(Source material begins)

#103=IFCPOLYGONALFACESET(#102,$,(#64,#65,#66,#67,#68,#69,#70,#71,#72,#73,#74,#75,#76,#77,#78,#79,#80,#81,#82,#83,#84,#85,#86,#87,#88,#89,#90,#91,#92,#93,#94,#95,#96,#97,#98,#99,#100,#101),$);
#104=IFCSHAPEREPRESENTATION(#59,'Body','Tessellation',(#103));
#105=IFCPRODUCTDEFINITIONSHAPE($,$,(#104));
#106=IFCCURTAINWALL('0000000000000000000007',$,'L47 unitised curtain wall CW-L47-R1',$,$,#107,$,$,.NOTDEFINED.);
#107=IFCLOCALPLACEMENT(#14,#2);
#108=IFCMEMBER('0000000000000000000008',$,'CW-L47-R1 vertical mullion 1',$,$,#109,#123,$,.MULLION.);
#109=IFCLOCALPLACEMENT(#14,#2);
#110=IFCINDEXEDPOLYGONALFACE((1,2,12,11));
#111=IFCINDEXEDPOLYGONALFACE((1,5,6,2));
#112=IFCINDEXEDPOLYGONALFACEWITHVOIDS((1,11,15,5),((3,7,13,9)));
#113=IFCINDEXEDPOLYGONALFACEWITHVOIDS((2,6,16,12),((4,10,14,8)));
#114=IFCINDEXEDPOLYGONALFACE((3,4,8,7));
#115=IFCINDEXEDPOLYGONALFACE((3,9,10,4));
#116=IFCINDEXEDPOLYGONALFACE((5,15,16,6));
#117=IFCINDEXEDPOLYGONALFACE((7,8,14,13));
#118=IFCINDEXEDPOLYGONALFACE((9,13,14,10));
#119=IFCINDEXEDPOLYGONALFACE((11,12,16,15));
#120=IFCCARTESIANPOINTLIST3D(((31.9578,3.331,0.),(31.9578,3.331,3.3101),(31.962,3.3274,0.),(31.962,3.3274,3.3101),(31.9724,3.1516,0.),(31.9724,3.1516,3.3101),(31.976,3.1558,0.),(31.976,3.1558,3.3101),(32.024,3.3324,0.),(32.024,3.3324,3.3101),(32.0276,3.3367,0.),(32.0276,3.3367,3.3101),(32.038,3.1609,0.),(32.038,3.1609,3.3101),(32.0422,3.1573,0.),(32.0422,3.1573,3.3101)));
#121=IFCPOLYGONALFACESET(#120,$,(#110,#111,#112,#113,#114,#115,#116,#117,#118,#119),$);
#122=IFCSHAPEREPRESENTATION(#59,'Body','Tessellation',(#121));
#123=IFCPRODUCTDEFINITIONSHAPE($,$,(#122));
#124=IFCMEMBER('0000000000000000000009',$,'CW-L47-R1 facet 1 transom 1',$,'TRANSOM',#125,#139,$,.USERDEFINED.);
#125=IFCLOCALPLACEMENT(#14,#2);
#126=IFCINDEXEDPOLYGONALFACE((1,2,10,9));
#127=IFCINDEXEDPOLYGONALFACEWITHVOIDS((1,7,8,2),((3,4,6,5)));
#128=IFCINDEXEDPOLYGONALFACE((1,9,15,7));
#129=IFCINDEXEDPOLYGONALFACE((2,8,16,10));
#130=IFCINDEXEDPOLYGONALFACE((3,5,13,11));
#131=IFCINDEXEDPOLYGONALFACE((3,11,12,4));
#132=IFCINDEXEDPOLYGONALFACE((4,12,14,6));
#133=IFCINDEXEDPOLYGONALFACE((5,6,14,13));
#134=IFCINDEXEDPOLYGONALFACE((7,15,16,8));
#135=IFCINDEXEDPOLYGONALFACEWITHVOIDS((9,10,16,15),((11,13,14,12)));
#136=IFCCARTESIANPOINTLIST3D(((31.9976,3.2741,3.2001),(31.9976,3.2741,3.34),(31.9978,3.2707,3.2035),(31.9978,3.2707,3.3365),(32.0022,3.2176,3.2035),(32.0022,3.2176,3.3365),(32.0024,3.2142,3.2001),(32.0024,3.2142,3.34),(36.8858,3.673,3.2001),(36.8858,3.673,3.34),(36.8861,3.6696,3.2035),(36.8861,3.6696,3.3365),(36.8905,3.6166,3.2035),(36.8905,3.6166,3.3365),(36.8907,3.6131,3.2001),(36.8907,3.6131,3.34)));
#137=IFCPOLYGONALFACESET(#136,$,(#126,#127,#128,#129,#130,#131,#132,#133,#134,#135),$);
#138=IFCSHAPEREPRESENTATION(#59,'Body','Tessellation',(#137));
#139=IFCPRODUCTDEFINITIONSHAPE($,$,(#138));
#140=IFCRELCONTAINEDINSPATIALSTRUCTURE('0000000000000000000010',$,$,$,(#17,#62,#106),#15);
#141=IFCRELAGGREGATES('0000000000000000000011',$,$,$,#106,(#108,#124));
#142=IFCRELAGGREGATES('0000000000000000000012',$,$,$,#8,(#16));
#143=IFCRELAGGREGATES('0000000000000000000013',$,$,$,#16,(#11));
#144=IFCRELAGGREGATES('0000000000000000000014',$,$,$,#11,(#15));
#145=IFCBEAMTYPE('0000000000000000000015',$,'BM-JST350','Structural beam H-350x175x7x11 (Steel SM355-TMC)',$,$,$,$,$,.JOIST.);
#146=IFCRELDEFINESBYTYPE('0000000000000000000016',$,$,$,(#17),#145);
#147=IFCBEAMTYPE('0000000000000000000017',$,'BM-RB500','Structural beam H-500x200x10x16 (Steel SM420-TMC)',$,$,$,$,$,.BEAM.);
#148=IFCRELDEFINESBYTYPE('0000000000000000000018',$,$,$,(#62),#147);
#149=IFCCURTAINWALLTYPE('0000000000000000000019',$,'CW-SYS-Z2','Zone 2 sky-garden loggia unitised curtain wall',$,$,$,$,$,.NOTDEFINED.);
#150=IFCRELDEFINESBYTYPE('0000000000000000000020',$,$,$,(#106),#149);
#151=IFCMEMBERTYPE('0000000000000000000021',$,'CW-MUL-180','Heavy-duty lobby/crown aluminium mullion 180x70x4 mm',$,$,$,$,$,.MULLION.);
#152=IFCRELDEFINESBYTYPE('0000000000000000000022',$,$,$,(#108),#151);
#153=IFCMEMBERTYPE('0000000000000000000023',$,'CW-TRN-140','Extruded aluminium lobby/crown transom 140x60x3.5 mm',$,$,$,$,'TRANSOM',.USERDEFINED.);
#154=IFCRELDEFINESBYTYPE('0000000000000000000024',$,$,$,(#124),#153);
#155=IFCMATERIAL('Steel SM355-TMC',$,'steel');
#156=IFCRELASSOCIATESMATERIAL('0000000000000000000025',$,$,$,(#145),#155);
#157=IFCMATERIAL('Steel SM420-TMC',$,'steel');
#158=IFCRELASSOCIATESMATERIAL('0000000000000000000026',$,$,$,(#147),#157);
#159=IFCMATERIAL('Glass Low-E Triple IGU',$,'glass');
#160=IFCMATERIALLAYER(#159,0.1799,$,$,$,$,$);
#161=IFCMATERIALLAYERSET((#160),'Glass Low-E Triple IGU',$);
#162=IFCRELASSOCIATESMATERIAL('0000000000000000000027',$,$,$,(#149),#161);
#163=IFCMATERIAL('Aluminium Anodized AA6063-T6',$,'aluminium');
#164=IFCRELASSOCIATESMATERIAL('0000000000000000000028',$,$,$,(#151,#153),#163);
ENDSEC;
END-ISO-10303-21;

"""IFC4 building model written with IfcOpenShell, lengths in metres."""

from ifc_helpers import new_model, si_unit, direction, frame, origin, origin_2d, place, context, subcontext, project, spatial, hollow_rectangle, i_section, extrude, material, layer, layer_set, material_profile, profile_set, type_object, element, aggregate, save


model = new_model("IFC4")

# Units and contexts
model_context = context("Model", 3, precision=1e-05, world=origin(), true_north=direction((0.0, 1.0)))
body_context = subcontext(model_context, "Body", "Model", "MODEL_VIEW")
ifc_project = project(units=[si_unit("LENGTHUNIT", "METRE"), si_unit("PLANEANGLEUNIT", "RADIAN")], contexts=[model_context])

(Source material ends)

Repeat precisely the lines of the data starting at the one containing "#157=IFCMATERIAL('Steel SM420-TMC',$,'steel');", last line included.

#157=IFCMATERIAL('Steel SM420-TMC',$,'steel');
#158=IFCRELASSOCIATESMATERIAL('0000000000000000000026',$,$,$,(#147),#157);
#159=IFCMATERIAL('Glass Low-E Triple IGU',$,'glass');
#160=IFCMATERIALLAYER(#159,0.1799,$,$,$,$,$);
#161=IFCMATERIALLAYERSET((#160),'Glass Low-E Triple IGU',$);
#162=IFCRELASSOCIATESMATERIAL('0000000000000000000027',$,$,$,(#149),#161);
#163=IFCMATERIAL('Aluminium Anodized AA6063-T6',$,'aluminium');
#164=IFCRELASSOCIATESMATERIAL('0000000000000000000028',$,$,$,(#151,#153),#163);
ENDSEC;
END-ISO-10303-21;

"""IFC4 building model written with IfcOpenShell, lengths in metres."""

from ifc_helpers import new_model, si_unit, direction, frame, origin, origin_2d, place, context, subcontext, project, spatial, hollow_rectangle, i_section, extrude, material, layer, layer_set, material_profile, profile_set, type_object, element, aggregate, save


model = new_model("IFC4")

# Units and contexts
model_context = context("Model", 3, precision=1e-05, world=origin(), true_north=direction((0.0, 1.0)))
body_context = subcontext(model_context, "Body", "Model", "MODEL_VIEW")
ifc_project = project(units=[si_unit("LENGTHUNIT", "METRE"), si_unit("PLANEANGLEUNIT", "RADIAN")], contexts=[model_context])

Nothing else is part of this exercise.